**Work instruction**
You are asked to filter the data below and copy every line holding "Interchange".

**Records supplied**
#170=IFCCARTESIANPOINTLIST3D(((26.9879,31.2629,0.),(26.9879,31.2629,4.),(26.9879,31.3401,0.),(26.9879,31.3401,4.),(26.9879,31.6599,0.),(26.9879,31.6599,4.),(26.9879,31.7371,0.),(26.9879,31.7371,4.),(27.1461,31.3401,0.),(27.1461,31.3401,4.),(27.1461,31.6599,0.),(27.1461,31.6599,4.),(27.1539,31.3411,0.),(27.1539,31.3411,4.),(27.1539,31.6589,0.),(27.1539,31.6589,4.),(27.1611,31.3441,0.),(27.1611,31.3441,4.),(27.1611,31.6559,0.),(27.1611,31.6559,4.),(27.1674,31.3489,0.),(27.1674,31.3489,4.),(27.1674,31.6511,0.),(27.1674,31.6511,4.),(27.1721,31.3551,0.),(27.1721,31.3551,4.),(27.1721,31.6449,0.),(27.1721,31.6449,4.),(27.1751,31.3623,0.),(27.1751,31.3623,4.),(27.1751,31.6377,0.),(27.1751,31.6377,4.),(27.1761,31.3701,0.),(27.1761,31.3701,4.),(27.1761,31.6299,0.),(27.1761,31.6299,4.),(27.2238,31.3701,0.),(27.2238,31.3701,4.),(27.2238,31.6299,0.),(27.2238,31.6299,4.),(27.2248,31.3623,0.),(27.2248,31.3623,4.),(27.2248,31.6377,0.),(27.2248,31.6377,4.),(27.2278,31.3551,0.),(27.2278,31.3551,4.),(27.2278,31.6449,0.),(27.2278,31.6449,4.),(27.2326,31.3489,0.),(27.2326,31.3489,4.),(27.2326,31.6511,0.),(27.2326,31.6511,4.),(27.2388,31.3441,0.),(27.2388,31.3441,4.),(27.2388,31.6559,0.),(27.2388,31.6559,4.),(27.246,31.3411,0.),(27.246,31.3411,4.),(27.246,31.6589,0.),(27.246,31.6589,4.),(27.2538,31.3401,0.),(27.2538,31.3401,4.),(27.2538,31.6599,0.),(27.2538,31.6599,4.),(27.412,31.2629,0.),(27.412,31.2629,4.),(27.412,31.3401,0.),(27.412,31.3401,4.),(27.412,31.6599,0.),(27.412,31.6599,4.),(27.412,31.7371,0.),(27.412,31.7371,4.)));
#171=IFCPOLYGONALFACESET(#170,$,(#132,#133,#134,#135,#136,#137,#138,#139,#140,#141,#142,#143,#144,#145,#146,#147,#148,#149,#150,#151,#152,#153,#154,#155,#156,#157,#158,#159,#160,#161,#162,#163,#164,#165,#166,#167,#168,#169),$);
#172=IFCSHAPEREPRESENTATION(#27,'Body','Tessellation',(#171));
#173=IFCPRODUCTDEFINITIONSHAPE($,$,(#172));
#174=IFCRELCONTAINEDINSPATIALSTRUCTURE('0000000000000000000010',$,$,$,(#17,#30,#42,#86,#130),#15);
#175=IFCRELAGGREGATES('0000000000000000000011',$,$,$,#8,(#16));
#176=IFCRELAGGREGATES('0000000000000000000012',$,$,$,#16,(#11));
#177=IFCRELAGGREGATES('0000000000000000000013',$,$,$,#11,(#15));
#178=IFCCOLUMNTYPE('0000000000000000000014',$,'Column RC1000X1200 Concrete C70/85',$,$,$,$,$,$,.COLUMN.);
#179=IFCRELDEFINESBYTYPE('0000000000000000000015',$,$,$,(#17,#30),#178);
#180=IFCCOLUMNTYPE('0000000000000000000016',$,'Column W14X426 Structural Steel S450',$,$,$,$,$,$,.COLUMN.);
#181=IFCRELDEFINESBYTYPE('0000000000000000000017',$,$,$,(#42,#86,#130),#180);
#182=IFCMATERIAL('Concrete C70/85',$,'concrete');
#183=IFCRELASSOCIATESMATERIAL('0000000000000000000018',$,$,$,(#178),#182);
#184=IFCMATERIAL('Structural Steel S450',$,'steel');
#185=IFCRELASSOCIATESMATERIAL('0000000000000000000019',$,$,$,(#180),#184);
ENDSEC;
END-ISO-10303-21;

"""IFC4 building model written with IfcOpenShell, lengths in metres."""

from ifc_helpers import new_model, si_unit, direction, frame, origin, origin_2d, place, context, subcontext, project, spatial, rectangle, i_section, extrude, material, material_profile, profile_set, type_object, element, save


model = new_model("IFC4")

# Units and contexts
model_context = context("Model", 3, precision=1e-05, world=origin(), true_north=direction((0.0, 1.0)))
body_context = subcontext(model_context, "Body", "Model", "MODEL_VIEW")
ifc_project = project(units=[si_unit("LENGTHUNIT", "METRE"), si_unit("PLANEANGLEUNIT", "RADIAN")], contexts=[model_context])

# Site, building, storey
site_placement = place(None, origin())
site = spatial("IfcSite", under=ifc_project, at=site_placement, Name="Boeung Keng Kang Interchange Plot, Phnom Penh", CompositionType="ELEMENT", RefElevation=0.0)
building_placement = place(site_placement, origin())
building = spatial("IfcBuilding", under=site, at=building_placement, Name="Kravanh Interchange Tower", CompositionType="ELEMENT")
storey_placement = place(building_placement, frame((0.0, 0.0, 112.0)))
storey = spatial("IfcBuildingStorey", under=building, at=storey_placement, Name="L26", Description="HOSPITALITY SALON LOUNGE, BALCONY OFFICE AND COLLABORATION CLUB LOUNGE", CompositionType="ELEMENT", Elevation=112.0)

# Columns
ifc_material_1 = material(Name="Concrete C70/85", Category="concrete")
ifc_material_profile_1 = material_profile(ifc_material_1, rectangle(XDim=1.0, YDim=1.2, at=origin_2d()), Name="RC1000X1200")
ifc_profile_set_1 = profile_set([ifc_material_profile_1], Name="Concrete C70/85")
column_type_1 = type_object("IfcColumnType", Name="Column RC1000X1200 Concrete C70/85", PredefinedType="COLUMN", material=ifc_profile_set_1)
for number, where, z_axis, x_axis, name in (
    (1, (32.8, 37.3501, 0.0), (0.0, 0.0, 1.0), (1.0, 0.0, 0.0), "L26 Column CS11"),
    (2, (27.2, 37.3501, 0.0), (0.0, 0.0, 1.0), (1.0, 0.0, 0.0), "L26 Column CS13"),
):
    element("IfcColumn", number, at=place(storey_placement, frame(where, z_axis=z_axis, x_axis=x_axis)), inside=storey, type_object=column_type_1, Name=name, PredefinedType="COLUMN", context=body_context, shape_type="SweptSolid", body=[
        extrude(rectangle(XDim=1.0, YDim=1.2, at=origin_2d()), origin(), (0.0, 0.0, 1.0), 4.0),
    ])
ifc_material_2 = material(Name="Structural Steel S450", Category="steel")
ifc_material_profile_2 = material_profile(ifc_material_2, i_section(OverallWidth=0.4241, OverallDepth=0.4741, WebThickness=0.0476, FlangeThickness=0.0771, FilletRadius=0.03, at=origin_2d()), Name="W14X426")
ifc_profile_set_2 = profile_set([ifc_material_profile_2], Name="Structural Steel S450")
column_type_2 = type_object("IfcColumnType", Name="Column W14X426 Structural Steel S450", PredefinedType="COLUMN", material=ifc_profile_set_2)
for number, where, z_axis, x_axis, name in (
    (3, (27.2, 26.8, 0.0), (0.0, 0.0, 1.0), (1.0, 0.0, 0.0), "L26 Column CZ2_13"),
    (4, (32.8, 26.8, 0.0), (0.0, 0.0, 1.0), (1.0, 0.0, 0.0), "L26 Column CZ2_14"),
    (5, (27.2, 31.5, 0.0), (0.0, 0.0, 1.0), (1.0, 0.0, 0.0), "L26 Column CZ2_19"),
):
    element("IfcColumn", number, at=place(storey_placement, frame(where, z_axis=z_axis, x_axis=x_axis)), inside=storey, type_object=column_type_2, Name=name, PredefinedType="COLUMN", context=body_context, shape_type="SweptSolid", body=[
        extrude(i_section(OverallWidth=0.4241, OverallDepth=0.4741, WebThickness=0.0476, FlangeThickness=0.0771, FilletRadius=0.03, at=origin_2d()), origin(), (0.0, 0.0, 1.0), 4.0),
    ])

**Answer to this problem**
site = spatial("IfcSite", under=ifc_project, at=site_placement, Name="Boeung Keng Kang Interchange Plot, Phnom Penh", CompositionType="ELEMENT", RefElevation=0.0)
building = spatial("IfcBuilding", under=site, at=building_placement, Name="Kravanh Interchange Tower", CompositionType="ELEMENT")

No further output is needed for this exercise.